┌─ Available data

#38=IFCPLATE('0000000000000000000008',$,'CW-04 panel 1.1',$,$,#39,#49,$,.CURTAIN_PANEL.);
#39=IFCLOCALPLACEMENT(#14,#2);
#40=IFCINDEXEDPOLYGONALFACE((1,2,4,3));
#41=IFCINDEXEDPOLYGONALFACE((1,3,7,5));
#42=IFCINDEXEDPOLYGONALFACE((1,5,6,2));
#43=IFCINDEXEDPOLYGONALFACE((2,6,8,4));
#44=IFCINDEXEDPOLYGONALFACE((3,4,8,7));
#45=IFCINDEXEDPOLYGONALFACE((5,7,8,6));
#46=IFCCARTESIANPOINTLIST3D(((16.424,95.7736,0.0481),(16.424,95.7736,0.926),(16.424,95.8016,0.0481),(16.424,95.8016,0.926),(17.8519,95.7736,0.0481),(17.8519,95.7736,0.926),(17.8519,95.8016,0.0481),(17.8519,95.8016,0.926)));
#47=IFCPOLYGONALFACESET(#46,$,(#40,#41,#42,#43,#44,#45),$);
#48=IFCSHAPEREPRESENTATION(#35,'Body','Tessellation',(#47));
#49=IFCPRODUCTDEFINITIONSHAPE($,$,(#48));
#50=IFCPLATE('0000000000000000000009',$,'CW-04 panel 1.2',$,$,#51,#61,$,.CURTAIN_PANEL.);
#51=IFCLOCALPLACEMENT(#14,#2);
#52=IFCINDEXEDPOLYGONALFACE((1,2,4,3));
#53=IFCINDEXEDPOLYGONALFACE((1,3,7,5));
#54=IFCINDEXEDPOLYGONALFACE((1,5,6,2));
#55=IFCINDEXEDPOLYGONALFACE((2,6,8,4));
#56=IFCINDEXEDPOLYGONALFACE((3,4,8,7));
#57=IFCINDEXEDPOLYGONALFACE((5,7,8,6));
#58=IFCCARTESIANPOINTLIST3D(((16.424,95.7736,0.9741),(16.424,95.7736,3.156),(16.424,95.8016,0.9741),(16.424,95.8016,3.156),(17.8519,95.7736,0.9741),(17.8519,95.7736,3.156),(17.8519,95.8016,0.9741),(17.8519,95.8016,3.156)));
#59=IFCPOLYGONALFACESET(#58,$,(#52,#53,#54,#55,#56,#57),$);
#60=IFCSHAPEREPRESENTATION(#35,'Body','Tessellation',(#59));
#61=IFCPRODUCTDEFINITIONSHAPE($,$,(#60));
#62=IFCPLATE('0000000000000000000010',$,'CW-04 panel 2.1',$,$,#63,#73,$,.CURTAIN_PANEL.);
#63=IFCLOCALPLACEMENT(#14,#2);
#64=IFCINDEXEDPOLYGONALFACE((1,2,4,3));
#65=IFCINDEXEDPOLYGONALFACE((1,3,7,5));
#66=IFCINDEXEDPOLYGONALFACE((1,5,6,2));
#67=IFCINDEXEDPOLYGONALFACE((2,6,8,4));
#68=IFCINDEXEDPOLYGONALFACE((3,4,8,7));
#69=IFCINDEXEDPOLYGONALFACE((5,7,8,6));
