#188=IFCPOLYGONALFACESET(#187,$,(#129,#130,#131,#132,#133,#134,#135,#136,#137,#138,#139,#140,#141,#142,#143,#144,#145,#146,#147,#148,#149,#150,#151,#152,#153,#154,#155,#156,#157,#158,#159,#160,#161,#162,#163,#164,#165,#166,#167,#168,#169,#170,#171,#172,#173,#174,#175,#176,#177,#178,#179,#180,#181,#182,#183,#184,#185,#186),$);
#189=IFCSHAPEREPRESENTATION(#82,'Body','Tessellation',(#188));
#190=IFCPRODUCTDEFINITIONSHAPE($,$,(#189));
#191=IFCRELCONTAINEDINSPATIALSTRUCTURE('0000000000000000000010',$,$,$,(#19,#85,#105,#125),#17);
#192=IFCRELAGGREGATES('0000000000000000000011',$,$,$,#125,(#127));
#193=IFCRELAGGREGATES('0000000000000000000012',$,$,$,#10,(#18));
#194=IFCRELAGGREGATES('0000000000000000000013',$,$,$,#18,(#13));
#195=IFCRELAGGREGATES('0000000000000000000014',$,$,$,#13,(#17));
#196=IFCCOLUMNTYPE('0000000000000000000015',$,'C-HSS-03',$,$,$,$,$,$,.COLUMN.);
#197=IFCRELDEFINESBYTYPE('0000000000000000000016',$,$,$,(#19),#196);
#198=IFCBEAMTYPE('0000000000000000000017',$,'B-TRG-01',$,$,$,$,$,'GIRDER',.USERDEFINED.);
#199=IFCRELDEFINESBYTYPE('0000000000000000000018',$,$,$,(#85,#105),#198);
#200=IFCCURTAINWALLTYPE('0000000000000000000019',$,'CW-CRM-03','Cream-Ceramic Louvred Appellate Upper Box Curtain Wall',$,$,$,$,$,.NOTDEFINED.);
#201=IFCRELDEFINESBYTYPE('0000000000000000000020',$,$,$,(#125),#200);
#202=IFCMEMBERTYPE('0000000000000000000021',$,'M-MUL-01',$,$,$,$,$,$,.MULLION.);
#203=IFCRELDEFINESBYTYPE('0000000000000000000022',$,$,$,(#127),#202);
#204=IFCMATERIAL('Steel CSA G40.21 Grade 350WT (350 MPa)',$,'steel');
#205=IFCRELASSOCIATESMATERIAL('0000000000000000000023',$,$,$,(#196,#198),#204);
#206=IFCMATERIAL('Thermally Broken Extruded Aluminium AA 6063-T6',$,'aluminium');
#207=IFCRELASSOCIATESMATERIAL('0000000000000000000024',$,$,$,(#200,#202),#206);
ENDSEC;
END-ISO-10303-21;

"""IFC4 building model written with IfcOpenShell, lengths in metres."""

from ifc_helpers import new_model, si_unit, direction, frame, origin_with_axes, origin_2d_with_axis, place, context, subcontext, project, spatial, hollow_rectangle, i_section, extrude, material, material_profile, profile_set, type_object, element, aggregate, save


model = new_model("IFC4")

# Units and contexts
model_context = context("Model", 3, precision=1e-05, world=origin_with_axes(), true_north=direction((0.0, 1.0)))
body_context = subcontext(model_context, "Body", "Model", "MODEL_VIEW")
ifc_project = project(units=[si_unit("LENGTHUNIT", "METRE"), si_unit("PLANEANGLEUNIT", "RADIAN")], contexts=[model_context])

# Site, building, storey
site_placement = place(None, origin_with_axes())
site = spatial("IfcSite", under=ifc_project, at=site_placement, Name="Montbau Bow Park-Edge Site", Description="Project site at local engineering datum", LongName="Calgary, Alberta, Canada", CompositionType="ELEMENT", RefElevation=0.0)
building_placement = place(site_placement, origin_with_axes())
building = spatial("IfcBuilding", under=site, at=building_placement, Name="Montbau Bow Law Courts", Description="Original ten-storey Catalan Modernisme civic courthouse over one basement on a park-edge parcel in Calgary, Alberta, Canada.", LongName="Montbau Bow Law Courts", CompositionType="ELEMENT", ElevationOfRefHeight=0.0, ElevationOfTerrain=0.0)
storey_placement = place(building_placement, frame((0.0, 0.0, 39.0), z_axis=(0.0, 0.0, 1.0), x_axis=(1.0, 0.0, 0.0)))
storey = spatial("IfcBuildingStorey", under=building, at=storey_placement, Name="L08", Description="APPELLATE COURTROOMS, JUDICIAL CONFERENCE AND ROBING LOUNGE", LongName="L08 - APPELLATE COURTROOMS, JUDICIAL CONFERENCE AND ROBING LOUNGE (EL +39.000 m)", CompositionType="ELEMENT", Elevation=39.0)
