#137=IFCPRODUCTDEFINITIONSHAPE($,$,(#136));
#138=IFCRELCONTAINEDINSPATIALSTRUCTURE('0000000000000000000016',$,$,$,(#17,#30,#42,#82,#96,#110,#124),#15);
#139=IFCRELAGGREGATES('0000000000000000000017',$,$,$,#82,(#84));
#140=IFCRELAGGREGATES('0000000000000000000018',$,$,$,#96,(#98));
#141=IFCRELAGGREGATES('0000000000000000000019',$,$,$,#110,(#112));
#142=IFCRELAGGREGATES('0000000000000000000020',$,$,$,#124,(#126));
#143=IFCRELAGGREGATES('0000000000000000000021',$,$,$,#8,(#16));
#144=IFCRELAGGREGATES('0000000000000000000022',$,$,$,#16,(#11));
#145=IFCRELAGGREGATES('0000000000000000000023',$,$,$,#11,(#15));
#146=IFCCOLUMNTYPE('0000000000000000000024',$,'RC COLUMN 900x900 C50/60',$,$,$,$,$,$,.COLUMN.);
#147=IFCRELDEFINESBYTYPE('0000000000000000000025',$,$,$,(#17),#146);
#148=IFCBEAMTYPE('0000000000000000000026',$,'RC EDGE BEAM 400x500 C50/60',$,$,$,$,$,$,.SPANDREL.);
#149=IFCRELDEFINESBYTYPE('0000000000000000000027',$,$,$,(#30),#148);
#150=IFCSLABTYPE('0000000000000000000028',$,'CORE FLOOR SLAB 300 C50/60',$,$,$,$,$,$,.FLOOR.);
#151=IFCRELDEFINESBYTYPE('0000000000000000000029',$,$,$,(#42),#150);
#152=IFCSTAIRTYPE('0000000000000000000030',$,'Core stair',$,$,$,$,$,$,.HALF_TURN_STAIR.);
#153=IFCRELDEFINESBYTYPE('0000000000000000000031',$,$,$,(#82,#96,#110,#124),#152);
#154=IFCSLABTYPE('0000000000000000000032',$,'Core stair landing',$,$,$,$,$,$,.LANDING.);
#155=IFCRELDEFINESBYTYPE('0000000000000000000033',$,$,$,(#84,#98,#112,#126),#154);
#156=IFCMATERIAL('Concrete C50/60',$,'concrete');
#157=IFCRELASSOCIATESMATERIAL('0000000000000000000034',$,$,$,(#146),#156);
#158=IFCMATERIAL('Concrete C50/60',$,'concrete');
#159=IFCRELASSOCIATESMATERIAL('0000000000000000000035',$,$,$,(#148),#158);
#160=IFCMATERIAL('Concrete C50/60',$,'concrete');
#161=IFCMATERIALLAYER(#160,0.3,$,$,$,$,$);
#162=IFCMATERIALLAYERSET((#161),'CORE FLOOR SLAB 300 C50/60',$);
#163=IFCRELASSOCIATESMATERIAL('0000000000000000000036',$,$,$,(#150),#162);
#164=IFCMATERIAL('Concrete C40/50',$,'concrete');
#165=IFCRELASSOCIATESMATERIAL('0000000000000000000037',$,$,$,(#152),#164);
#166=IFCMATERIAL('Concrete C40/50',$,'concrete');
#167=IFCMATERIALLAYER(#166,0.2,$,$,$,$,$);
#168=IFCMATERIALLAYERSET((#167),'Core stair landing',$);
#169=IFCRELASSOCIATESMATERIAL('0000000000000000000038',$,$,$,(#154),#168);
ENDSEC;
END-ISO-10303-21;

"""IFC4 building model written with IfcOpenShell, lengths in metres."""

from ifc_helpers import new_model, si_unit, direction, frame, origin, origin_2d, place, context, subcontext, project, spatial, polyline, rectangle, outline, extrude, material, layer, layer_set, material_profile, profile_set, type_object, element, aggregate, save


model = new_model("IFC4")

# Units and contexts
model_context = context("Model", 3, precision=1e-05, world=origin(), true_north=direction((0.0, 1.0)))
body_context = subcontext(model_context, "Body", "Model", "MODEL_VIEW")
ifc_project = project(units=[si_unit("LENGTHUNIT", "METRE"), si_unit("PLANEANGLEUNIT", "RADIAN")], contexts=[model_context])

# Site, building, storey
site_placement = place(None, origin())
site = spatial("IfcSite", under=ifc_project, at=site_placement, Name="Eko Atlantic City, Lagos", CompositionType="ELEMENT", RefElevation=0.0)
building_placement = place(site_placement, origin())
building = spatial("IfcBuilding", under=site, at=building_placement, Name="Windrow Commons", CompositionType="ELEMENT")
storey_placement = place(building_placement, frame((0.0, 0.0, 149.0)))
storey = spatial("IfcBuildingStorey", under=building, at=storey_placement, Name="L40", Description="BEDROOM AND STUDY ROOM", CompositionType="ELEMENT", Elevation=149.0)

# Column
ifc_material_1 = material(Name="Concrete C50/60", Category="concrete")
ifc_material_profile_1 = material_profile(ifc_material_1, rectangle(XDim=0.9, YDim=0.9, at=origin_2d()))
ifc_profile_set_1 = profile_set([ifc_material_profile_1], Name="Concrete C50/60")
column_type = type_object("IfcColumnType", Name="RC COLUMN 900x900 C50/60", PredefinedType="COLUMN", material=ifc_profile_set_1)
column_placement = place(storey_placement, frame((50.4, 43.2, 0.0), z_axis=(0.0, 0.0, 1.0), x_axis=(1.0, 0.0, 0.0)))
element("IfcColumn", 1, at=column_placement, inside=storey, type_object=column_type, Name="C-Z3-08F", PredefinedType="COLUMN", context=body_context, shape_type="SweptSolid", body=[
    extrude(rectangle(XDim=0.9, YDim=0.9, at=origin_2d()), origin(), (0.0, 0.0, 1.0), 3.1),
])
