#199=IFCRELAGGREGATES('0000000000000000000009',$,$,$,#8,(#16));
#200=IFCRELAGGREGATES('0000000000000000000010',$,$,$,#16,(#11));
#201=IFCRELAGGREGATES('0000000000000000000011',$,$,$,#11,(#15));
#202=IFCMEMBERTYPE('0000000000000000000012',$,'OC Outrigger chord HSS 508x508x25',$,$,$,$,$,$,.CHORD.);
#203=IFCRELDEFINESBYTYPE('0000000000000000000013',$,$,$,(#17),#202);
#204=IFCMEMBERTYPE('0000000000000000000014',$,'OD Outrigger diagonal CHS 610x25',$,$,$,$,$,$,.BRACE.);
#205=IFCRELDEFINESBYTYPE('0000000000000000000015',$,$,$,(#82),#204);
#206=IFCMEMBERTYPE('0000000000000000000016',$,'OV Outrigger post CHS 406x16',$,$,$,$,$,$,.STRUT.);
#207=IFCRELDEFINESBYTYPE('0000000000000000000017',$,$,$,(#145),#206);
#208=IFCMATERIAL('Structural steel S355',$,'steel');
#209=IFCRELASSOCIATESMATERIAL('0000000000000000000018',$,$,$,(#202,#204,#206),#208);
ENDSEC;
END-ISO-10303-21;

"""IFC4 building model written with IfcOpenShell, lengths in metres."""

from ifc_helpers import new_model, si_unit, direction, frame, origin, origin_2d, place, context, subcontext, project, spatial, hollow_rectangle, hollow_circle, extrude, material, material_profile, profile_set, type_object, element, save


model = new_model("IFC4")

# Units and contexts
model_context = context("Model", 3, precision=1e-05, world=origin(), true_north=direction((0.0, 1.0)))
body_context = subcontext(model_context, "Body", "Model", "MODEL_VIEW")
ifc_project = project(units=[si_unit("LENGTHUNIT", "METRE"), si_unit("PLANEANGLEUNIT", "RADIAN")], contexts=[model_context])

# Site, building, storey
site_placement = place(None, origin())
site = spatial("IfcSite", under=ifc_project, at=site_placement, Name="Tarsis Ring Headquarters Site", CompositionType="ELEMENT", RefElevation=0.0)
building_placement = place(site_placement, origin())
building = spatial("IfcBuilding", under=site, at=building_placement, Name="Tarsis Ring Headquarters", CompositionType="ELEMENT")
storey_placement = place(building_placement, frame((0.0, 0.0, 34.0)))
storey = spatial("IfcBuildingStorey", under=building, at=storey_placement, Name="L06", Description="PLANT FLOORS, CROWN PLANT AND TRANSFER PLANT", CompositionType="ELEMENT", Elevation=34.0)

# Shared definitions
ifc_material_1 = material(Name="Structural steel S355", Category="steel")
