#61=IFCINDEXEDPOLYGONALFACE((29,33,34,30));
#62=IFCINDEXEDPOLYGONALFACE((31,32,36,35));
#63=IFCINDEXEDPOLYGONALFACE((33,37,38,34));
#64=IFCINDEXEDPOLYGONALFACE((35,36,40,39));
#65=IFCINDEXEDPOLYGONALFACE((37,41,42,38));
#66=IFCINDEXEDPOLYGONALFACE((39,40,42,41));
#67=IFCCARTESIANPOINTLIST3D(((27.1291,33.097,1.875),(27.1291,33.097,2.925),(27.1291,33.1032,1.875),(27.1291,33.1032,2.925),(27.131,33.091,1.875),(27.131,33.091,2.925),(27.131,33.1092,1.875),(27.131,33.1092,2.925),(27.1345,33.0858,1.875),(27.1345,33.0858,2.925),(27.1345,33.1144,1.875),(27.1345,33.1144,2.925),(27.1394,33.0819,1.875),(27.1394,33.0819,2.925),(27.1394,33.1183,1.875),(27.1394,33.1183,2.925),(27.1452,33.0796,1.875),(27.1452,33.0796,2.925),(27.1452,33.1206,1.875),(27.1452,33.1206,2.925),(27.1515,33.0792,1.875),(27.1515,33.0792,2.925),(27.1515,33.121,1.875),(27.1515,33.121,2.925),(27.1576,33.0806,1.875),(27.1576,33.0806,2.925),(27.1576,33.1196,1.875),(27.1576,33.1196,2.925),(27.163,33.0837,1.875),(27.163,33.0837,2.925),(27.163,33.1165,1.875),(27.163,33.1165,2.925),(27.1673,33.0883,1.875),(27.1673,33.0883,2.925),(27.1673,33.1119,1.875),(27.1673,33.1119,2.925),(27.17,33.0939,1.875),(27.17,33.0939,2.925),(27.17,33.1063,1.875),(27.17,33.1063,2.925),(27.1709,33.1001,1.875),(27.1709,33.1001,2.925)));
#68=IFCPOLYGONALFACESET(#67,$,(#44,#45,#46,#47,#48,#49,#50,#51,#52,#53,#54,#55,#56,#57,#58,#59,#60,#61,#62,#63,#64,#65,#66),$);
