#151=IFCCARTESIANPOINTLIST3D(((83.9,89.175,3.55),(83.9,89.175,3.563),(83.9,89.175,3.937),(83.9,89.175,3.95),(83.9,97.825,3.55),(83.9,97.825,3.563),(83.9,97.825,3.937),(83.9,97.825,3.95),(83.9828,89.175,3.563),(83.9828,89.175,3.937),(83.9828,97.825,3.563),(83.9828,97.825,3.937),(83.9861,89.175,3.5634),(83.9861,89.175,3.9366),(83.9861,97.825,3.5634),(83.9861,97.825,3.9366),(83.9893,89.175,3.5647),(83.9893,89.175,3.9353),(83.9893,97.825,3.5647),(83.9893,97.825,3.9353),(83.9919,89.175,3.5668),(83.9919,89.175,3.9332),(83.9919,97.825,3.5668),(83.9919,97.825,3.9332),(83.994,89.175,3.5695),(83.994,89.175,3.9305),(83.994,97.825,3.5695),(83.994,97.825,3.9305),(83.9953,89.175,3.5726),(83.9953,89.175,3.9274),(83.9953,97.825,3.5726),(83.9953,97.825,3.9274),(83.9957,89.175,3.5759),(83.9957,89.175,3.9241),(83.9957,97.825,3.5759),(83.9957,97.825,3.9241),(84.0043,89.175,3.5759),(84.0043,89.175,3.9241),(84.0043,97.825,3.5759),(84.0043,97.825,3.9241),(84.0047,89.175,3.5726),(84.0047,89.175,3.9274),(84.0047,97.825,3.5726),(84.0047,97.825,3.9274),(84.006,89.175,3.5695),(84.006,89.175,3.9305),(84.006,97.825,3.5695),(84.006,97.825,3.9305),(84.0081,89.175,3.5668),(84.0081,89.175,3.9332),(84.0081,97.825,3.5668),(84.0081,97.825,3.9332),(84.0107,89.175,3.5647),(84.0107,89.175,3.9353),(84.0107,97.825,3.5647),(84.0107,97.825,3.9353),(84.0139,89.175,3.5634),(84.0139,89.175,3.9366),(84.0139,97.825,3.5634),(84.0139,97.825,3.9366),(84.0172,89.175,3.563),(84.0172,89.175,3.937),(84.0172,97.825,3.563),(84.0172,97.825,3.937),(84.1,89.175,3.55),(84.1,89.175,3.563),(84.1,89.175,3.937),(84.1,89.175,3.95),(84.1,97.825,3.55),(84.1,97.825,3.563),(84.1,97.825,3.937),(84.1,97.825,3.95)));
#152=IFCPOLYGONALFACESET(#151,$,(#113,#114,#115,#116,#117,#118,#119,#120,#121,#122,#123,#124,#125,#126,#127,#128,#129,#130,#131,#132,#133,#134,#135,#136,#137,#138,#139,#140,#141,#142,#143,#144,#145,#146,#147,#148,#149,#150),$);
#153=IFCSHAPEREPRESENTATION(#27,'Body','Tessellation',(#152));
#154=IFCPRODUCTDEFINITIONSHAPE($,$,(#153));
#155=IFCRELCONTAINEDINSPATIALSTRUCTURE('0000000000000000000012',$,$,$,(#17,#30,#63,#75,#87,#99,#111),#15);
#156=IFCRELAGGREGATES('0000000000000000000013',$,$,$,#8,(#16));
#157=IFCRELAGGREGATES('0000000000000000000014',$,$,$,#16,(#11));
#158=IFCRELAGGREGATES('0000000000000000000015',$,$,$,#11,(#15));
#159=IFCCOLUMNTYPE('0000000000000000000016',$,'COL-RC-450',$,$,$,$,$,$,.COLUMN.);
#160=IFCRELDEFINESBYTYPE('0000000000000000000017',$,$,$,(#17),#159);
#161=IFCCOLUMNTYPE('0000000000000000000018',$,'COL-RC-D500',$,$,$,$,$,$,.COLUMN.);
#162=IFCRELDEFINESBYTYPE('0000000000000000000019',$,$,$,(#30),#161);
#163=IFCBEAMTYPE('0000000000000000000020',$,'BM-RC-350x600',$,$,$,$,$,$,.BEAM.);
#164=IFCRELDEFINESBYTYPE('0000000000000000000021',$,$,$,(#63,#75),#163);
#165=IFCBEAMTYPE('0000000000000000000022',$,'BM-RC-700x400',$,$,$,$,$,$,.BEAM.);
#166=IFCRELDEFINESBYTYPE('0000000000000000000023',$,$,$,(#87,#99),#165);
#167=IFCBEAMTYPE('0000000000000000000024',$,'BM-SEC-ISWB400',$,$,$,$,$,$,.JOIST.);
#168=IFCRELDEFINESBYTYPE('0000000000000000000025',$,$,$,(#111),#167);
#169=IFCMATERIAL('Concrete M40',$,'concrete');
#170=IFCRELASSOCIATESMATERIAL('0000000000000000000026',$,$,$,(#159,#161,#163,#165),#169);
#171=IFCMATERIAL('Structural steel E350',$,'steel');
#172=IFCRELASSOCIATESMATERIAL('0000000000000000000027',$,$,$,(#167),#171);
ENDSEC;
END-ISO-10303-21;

└─

* **Exercise**: Each line from the first line of the entries up to and including the line containing "#49=IFCPRODUCTDEFINITIONSHAPE($,$,(#48));" should be transcribed exactly, with all other lines left out.

* **Task response**:
#38=IFCPLATE('0000000000000000000008',$,'CW-04 panel 1.1',$,$,#39,#49,$,.CURTAIN_PANEL.);
#39=IFCLOCALPLACEMENT(#14,#2);
#40=IFCINDEXEDPOLYGONALFACE((1,2,4,3));
#41=IFCINDEXEDPOLYGONALFACE((1,3,7,5));
#42=IFCINDEXEDPOLYGONALFACE((1,5,6,2));
#43=IFCINDEXEDPOLYGONALFACE((2,6,8,4));
#44=IFCINDEXEDPOLYGONALFACE((3,4,8,7));
#45=IFCINDEXEDPOLYGONALFACE((5,7,8,6));
#46=IFCCARTESIANPOINTLIST3D(((16.424,95.7736,0.0481),(16.424,95.7736,0.926),(16.424,95.8016,0.0481),(16.424,95.8016,0.926),(17.8519,95.7736,0.0481),(17.8519,95.7736,0.926),(17.8519,95.8016,0.0481),(17.8519,95.8016,0.926)));
#47=IFCPOLYGONALFACESET(#46,$,(#40,#41,#42,#43,#44,#45),$);
#48=IFCSHAPEREPRESENTATION(#35,'Body','Tessellation',(#47));
#49=IFCPRODUCTDEFINITIONSHAPE($,$,(#48));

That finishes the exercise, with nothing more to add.